• Assignment: Retype each record exactly.

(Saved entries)

_____

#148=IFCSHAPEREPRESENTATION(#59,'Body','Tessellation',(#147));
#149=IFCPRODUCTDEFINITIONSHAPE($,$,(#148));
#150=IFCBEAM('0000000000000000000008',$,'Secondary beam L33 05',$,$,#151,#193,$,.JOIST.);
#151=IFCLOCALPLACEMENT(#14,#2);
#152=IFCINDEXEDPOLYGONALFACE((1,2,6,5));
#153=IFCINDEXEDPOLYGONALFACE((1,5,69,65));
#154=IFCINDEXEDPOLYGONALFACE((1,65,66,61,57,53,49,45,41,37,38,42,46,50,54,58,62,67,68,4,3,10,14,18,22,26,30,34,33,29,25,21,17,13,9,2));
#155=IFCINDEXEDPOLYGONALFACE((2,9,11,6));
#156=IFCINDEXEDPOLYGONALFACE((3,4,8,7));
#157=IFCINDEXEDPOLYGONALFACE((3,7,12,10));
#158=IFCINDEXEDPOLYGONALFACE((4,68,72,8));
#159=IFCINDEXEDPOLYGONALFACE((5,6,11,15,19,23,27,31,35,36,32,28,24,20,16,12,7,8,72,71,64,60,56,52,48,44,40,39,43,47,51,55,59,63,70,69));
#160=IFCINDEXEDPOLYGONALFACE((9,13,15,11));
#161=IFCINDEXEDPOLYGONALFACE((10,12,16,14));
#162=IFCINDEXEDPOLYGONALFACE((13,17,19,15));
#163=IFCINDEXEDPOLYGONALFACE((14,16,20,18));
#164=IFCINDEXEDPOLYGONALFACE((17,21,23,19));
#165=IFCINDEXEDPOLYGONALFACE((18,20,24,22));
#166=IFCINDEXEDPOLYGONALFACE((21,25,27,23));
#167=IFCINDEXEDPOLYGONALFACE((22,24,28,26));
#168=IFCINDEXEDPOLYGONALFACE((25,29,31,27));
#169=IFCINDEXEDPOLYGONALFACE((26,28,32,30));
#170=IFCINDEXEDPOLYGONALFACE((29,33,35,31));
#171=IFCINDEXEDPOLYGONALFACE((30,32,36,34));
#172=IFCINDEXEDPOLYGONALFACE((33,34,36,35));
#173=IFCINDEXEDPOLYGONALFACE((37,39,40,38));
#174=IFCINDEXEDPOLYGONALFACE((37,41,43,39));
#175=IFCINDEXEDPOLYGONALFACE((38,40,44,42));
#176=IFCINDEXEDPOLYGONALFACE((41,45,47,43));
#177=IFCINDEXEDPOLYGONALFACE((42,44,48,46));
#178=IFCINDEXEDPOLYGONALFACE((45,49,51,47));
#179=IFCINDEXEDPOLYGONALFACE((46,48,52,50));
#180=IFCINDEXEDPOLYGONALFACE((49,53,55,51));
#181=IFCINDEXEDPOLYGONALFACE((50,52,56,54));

_____

• Output below:
#148=IFCSHAPEREPRESENTATION(#59,'Body','Tessellation',(#147));
#149=IFCPRODUCTDEFINITIONSHAPE($,$,(#148));
#150=IFCBEAM('0000000000000000000008',$,'Secondary beam L33 05',$,$,#151,#193,$,.JOIST.);
#151=IFCLOCALPLACEMENT(#14,#2);
#152=IFCINDEXEDPOLYGONALFACE((1,2,6,5));
#153=IFCINDEXEDPOLYGONALFACE((1,5,69,65));
#154=IFCINDEXEDPOLYGONALFACE((1,65,66,61,57,53,49,45,41,37,38,42,46,50,54,58,62,67,68,4,3,10,14,18,22,26,30,34,33,29,25,21,17,13,9,2));
#155=IFCINDEXEDPOLYGONALFACE((2,9,11,6));
#156=IFCINDEXEDPOLYGONALFACE((3,4,8,7));
#157=IFCINDEXEDPOLYGONALFACE((3,7,12,10));
#158=IFCINDEXEDPOLYGONALFACE((4,68,72,8));
#159=IFCINDEXEDPOLYGONALFACE((5,6,11,15,19,23,27,31,35,36,32,28,24,20,16,12,7,8,72,71,64,60,56,52,48,44,40,39,43,47,51,55,59,63,70,69));
#160=IFCINDEXEDPOLYGONALFACE((9,13,15,11));
#161=IFCINDEXEDPOLYGONALFACE((10,12,16,14));
#162=IFCINDEXEDPOLYGONALFACE((13,17,19,15));
#163=IFCINDEXEDPOLYGONALFACE((14,16,20,18));
#164=IFCINDEXEDPOLYGONALFACE((17,21,23,19));
#165=IFCINDEXEDPOLYGONALFACE((18,20,24,22));
#166=IFCINDEXEDPOLYGONALFACE((21,25,27,23));
#167=IFCINDEXEDPOLYGONALFACE((22,24,28,26));
#168=IFCINDEXEDPOLYGONALFACE((25,29,31,27));
#169=IFCINDEXEDPOLYGONALFACE((26,28,32,30));
#170=IFCINDEXEDPOLYGONALFACE((29,33,35,31));
#171=IFCINDEXEDPOLYGONALFACE((30,32,36,34));
#172=IFCINDEXEDPOLYGONALFACE((33,34,36,35));
#173=IFCINDEXEDPOLYGONALFACE((37,39,40,38));
#174=IFCINDEXEDPOLYGONALFACE((37,41,43,39));
#175=IFCINDEXEDPOLYGONALFACE((38,40,44,42));
#176=IFCINDEXEDPOLYGONALFACE((41,45,47,43));
#177=IFCINDEXEDPOLYGONALFACE((42,44,48,46));
#178=IFCINDEXEDPOLYGONALFACE((45,49,51,47));
#179=IFCINDEXEDPOLYGONALFACE((46,48,52,50));
#180=IFCINDEXEDPOLYGONALFACE((49,53,55,51));
#181=IFCINDEXEDPOLYGONALFACE((50,52,56,54));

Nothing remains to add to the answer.